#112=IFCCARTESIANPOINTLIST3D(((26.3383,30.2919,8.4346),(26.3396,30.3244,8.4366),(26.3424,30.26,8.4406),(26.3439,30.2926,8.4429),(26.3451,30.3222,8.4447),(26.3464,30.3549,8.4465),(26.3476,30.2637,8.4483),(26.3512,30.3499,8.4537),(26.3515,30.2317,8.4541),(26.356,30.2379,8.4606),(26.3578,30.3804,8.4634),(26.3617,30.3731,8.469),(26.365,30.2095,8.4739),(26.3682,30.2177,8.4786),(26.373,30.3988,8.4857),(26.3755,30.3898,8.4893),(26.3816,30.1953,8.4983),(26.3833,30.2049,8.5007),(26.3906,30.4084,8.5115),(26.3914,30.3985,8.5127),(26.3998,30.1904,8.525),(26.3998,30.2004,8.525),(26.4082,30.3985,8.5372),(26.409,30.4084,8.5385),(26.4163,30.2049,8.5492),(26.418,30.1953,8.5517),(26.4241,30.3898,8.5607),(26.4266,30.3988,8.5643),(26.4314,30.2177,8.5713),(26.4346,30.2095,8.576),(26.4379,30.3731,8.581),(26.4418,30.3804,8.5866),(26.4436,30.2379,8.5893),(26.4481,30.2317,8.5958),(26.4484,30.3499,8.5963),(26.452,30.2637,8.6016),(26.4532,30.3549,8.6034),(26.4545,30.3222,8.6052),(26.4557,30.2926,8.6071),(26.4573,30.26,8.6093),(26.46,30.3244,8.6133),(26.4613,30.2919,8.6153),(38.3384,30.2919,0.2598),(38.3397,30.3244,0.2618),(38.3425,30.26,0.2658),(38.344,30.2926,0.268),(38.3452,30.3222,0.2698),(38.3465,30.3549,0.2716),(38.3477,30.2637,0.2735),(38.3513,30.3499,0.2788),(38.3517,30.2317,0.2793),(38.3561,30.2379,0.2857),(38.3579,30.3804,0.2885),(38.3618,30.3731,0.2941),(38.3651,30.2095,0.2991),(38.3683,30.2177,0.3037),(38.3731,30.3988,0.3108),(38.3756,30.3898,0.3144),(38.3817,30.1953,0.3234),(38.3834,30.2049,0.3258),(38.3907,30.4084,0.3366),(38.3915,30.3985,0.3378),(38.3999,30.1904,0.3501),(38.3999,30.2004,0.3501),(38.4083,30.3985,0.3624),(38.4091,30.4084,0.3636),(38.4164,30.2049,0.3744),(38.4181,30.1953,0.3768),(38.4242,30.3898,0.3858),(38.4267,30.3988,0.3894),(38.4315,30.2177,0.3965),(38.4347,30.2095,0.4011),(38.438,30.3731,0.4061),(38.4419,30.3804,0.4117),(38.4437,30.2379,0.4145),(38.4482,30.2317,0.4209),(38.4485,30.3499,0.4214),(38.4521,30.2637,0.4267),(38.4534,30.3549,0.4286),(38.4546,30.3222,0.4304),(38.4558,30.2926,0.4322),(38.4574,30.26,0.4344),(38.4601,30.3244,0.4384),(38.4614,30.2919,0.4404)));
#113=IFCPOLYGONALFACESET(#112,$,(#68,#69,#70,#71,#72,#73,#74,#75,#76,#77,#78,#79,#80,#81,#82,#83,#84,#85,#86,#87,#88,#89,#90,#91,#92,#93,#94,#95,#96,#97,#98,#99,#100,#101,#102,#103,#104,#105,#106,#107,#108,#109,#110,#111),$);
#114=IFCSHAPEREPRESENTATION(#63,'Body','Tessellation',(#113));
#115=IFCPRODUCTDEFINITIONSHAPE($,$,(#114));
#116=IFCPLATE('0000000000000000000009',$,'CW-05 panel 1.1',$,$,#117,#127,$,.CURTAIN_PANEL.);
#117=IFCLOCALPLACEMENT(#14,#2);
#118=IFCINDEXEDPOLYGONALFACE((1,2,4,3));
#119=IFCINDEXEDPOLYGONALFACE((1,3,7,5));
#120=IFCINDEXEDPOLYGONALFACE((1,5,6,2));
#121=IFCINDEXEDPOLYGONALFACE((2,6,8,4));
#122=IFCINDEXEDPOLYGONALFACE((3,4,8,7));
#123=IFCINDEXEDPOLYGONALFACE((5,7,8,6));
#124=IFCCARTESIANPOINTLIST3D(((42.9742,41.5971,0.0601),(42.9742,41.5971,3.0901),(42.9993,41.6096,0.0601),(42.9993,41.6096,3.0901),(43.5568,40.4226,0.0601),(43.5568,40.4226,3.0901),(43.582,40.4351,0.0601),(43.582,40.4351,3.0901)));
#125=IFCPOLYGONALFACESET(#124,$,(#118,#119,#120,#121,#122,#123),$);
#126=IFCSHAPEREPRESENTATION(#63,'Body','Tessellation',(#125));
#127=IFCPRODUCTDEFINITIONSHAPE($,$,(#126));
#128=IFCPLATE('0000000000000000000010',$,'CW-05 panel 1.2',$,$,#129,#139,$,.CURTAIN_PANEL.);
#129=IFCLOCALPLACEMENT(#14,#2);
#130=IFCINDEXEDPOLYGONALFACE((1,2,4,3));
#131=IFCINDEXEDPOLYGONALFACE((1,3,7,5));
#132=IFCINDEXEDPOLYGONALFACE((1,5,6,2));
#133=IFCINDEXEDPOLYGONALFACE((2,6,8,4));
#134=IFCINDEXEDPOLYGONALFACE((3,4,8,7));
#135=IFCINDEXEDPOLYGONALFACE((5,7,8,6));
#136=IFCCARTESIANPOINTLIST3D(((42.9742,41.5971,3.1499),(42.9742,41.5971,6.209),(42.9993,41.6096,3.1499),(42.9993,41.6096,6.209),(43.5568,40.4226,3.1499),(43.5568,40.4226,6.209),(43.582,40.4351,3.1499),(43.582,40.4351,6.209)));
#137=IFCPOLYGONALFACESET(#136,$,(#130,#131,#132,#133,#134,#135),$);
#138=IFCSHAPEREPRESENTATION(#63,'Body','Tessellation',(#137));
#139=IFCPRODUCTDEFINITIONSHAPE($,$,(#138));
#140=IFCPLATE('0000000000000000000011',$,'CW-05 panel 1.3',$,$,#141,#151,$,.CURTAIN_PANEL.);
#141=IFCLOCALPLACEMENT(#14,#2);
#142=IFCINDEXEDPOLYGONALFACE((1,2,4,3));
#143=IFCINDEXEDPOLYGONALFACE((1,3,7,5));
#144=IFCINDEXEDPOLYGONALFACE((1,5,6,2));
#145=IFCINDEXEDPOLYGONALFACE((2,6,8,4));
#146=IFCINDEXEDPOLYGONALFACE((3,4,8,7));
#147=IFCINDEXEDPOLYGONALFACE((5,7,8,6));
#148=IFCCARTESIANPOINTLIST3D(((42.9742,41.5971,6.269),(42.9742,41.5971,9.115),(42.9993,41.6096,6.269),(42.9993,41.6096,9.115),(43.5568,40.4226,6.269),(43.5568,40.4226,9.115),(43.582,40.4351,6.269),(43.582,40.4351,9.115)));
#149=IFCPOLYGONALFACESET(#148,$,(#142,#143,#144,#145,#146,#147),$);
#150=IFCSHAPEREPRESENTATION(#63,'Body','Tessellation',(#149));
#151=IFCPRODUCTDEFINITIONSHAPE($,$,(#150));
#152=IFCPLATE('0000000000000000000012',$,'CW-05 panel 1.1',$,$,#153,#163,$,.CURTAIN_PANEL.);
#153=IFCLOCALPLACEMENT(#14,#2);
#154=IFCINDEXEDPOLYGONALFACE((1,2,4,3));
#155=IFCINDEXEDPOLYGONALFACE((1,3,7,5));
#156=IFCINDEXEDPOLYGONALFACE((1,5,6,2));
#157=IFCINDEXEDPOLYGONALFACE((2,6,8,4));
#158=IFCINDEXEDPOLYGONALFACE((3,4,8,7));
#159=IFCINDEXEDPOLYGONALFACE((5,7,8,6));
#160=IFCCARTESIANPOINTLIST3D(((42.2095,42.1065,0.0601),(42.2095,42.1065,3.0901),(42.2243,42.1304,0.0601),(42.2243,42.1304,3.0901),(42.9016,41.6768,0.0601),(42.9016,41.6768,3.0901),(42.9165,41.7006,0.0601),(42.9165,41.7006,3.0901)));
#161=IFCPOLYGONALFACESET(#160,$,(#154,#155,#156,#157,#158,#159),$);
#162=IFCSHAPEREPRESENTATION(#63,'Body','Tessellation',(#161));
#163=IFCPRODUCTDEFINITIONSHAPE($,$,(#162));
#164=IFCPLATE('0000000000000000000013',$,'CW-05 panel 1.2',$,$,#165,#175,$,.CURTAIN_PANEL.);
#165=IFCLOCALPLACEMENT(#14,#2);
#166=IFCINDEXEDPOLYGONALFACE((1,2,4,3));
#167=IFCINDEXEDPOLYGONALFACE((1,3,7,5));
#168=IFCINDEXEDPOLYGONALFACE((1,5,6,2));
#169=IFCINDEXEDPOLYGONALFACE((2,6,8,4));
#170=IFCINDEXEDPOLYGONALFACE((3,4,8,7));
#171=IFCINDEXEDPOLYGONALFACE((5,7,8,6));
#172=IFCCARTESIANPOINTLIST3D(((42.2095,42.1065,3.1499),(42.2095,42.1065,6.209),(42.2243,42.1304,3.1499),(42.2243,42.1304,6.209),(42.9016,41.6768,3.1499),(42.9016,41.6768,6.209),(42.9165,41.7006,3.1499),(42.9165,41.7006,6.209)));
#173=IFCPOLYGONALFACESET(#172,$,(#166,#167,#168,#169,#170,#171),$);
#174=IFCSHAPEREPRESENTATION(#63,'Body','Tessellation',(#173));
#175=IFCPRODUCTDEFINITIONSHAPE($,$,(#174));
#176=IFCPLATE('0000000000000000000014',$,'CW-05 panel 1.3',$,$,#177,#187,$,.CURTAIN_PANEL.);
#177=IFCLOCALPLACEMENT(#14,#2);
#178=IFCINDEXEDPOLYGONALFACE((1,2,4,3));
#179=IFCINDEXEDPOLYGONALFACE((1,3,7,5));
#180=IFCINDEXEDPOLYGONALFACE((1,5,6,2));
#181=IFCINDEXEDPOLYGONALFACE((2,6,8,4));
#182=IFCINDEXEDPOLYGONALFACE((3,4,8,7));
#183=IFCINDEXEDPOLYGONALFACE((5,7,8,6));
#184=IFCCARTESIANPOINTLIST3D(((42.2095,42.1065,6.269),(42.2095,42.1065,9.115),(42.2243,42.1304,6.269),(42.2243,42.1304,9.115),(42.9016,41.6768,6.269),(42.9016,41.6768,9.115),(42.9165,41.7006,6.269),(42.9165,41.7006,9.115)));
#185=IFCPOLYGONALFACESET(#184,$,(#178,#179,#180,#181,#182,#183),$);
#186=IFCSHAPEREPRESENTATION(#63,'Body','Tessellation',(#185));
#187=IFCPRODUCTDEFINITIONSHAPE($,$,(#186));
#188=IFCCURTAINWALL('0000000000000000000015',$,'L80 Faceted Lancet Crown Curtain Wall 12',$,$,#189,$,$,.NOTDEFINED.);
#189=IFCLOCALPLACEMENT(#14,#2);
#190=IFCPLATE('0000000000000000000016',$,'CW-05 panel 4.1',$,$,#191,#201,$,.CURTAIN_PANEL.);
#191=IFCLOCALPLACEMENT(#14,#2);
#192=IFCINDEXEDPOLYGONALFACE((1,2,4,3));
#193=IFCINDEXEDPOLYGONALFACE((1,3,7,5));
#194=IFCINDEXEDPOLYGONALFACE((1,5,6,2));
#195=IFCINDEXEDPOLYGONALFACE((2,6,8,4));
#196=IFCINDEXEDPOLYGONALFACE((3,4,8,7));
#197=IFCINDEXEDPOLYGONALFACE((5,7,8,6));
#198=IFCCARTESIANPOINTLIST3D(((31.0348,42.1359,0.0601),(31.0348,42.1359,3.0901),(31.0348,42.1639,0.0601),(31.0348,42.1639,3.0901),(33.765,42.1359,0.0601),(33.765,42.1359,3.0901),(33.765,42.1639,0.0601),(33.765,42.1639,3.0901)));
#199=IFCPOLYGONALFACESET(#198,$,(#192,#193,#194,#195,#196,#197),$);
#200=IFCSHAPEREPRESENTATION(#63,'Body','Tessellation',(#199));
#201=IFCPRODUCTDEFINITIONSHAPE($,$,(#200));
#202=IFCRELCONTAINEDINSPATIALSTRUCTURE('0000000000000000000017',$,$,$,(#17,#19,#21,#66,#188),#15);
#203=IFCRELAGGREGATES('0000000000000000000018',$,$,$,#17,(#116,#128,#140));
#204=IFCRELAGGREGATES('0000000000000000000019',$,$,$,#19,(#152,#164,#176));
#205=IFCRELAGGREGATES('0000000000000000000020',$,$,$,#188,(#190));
==============================
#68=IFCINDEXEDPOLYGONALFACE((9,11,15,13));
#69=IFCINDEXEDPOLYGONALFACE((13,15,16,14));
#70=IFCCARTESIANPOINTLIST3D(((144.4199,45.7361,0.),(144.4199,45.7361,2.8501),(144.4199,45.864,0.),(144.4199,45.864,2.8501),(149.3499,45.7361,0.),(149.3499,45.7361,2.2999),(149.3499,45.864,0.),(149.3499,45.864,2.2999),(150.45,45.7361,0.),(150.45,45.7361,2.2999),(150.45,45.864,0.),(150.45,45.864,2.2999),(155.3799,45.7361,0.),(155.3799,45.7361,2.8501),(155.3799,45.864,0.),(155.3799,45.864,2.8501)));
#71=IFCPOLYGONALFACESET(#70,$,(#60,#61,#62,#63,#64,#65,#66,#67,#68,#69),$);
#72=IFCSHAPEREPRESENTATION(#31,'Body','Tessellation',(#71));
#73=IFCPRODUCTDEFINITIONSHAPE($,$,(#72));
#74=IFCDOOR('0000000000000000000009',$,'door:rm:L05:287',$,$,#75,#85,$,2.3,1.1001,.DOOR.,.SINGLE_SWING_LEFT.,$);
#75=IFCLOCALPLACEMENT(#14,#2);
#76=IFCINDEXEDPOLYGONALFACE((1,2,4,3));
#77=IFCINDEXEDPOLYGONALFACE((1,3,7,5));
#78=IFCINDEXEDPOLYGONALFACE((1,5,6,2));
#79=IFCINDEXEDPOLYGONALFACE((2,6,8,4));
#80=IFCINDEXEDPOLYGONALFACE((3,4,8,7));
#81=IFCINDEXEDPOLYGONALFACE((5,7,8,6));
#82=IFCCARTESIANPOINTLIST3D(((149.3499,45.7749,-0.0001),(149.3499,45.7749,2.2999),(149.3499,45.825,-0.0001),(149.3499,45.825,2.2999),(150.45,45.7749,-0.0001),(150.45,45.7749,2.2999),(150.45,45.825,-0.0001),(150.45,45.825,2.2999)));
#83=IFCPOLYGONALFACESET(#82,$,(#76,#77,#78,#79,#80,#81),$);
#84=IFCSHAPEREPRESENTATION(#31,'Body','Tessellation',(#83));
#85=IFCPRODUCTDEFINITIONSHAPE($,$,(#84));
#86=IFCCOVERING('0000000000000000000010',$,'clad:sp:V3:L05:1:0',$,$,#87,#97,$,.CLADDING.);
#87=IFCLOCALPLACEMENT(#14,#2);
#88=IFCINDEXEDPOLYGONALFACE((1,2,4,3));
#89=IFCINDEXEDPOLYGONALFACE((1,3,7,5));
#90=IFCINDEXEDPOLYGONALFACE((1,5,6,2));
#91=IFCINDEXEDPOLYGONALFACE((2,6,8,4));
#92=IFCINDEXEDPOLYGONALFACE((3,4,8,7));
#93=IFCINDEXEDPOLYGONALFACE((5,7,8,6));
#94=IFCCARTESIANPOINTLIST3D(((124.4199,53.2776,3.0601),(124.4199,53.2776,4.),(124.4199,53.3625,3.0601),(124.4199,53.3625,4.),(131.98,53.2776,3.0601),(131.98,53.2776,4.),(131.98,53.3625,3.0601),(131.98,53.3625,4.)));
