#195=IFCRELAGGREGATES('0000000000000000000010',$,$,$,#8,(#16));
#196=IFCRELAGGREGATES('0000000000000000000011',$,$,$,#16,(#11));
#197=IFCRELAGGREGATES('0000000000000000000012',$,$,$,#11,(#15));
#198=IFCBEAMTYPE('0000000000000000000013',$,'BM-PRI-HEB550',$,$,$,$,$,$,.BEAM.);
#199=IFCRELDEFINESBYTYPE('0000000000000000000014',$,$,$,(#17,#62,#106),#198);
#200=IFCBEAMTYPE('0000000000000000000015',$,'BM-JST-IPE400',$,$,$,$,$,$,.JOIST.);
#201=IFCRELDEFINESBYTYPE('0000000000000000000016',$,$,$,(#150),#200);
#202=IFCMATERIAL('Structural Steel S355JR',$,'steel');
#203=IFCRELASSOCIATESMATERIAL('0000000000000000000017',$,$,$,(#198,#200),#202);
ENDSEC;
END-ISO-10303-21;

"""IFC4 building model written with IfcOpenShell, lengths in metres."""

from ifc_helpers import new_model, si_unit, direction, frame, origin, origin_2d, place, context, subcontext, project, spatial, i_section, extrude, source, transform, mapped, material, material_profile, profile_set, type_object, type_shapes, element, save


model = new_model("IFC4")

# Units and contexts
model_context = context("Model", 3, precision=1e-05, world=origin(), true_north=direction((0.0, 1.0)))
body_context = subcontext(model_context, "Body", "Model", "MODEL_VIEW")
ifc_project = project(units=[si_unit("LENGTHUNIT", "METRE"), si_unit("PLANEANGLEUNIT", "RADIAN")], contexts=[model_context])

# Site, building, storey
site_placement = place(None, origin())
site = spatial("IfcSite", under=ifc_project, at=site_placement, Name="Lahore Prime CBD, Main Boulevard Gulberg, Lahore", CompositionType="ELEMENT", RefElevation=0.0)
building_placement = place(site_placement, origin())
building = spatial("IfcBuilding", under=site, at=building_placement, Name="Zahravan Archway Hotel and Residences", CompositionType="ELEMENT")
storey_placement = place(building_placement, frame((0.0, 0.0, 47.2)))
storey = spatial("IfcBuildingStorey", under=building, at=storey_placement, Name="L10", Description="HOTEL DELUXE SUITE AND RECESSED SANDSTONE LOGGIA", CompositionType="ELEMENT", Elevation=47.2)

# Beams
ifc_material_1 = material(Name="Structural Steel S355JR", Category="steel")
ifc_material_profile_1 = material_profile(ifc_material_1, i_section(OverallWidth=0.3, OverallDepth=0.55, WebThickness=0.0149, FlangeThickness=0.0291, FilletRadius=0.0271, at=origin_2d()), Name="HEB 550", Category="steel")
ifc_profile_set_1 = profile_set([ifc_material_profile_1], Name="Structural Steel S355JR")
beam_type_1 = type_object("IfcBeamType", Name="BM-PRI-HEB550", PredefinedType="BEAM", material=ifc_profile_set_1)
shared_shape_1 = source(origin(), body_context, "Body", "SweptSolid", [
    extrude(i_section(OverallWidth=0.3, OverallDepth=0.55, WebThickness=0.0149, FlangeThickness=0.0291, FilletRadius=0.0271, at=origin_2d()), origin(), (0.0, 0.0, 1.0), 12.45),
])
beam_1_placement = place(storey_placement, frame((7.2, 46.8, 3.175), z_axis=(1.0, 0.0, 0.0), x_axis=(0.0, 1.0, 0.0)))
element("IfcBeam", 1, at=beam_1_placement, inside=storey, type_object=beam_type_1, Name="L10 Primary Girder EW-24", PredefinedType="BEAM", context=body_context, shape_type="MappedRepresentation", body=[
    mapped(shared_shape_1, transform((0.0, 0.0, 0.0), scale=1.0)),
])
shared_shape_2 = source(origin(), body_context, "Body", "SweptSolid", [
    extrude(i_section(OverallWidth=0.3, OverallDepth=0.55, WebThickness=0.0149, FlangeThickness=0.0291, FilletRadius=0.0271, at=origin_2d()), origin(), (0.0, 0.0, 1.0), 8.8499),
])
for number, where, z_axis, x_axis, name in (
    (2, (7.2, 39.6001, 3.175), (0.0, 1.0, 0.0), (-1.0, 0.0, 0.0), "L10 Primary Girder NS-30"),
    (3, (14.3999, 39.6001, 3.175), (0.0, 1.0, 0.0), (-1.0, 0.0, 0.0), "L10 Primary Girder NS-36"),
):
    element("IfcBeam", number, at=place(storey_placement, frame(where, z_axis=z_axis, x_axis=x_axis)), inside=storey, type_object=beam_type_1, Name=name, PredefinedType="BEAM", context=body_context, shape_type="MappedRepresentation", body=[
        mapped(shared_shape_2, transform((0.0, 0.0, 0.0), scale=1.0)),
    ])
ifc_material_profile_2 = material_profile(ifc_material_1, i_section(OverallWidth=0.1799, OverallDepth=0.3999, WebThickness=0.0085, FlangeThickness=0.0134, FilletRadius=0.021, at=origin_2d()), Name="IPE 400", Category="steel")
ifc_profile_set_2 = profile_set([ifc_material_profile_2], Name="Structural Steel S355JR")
==============================
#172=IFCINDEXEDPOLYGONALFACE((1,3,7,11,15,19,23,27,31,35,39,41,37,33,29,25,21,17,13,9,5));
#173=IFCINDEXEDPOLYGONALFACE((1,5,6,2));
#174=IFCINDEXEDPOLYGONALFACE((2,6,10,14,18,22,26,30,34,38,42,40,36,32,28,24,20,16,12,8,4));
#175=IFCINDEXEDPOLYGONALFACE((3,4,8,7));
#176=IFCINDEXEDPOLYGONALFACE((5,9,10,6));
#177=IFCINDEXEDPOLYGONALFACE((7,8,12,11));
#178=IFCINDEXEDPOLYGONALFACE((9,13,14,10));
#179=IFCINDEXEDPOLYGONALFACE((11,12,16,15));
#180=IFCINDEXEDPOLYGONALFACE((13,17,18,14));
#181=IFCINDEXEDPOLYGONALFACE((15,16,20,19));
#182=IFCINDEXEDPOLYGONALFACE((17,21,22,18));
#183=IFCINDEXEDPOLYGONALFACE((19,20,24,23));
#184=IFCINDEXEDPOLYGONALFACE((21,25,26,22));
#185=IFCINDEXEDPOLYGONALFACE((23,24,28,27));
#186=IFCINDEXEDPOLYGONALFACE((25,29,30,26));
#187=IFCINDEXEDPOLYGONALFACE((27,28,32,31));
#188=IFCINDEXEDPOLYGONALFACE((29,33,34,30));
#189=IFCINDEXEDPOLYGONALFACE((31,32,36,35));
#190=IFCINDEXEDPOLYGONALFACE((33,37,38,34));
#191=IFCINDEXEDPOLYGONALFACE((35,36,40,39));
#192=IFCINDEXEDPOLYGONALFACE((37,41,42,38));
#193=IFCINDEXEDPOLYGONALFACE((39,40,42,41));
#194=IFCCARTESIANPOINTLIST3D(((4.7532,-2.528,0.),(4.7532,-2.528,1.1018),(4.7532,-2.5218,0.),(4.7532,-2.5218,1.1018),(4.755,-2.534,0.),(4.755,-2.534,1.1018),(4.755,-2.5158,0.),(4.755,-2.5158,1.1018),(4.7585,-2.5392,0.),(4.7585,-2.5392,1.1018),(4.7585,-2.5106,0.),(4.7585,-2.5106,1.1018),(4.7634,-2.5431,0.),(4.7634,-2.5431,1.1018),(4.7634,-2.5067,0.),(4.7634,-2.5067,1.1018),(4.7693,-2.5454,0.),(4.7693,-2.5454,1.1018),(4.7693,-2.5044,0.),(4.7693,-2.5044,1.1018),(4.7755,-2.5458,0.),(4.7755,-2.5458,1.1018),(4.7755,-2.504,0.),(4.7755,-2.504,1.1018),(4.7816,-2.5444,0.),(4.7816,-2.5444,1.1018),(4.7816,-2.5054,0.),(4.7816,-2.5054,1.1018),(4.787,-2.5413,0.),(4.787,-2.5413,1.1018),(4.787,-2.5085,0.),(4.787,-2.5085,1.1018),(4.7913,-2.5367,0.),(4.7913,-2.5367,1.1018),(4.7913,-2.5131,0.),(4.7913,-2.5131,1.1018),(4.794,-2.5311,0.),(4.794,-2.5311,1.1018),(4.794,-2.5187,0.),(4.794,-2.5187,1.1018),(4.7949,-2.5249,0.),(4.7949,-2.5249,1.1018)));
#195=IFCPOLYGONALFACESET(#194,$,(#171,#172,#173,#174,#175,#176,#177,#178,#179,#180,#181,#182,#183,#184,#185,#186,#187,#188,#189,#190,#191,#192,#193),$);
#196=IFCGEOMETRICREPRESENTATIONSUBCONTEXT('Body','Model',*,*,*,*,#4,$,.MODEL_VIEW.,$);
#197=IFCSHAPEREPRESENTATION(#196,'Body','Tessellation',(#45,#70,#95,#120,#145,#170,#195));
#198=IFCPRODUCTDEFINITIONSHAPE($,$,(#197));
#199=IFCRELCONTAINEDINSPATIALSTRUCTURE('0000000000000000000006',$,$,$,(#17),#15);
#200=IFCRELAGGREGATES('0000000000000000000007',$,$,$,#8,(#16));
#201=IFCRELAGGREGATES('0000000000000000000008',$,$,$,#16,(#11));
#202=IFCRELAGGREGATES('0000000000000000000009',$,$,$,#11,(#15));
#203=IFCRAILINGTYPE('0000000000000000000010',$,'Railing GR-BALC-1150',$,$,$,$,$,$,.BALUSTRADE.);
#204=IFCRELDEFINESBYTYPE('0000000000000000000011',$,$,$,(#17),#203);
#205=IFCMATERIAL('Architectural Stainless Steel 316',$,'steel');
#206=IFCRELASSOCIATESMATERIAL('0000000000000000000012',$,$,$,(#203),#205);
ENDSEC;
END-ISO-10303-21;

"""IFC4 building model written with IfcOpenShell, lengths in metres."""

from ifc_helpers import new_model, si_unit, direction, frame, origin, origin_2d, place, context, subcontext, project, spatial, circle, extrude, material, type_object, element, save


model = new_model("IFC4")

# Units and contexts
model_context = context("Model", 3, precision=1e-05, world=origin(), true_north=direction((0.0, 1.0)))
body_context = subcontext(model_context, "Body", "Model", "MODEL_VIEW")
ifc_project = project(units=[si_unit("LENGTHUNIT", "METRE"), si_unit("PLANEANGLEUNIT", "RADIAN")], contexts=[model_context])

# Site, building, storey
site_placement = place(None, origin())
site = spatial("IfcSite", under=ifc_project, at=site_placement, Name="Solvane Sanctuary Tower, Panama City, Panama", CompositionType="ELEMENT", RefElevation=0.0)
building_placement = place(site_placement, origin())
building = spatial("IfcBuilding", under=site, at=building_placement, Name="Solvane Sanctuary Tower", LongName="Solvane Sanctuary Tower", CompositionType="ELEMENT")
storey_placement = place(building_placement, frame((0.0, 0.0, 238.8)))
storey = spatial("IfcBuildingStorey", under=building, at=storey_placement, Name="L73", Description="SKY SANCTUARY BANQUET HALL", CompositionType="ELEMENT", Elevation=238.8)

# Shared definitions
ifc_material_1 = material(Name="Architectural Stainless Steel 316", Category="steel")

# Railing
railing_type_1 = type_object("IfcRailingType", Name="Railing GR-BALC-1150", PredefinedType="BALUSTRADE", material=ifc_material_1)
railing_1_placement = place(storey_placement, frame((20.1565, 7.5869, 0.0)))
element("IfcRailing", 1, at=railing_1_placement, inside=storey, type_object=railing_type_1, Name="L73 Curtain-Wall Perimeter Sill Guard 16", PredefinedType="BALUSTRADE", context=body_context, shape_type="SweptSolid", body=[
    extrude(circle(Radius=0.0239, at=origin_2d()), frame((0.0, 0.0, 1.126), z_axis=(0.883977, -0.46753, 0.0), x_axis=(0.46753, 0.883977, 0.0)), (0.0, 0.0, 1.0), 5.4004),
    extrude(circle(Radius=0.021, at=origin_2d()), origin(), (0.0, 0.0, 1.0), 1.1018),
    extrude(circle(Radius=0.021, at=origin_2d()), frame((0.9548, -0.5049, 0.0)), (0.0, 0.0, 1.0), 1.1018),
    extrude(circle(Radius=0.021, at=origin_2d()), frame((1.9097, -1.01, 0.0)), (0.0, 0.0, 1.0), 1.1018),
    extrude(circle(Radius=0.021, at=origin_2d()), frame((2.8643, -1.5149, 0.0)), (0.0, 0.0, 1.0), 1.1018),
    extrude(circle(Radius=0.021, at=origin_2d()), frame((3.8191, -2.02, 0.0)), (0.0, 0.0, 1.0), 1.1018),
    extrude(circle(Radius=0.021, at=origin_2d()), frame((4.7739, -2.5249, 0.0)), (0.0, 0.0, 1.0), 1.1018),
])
==============================
INSTRUCTIONS TO FOLLOW: Each line of the data that holds "Description" should be reported.

SOLUTION TO THIS EXERCISE:
storey = spatial("IfcBuildingStorey", under=building, at=storey_placement, Name="L10", Description="HOTEL DELUXE SUITE AND RECESSED SANDSTONE LOGGIA", CompositionType="ELEMENT", Elevation=47.2)
storey = spatial("IfcBuildingStorey", under=building, at=storey_placement, Name="L73", Description="SKY SANCTUARY BANQUET HALL", CompositionType="ELEMENT", Elevation=238.8)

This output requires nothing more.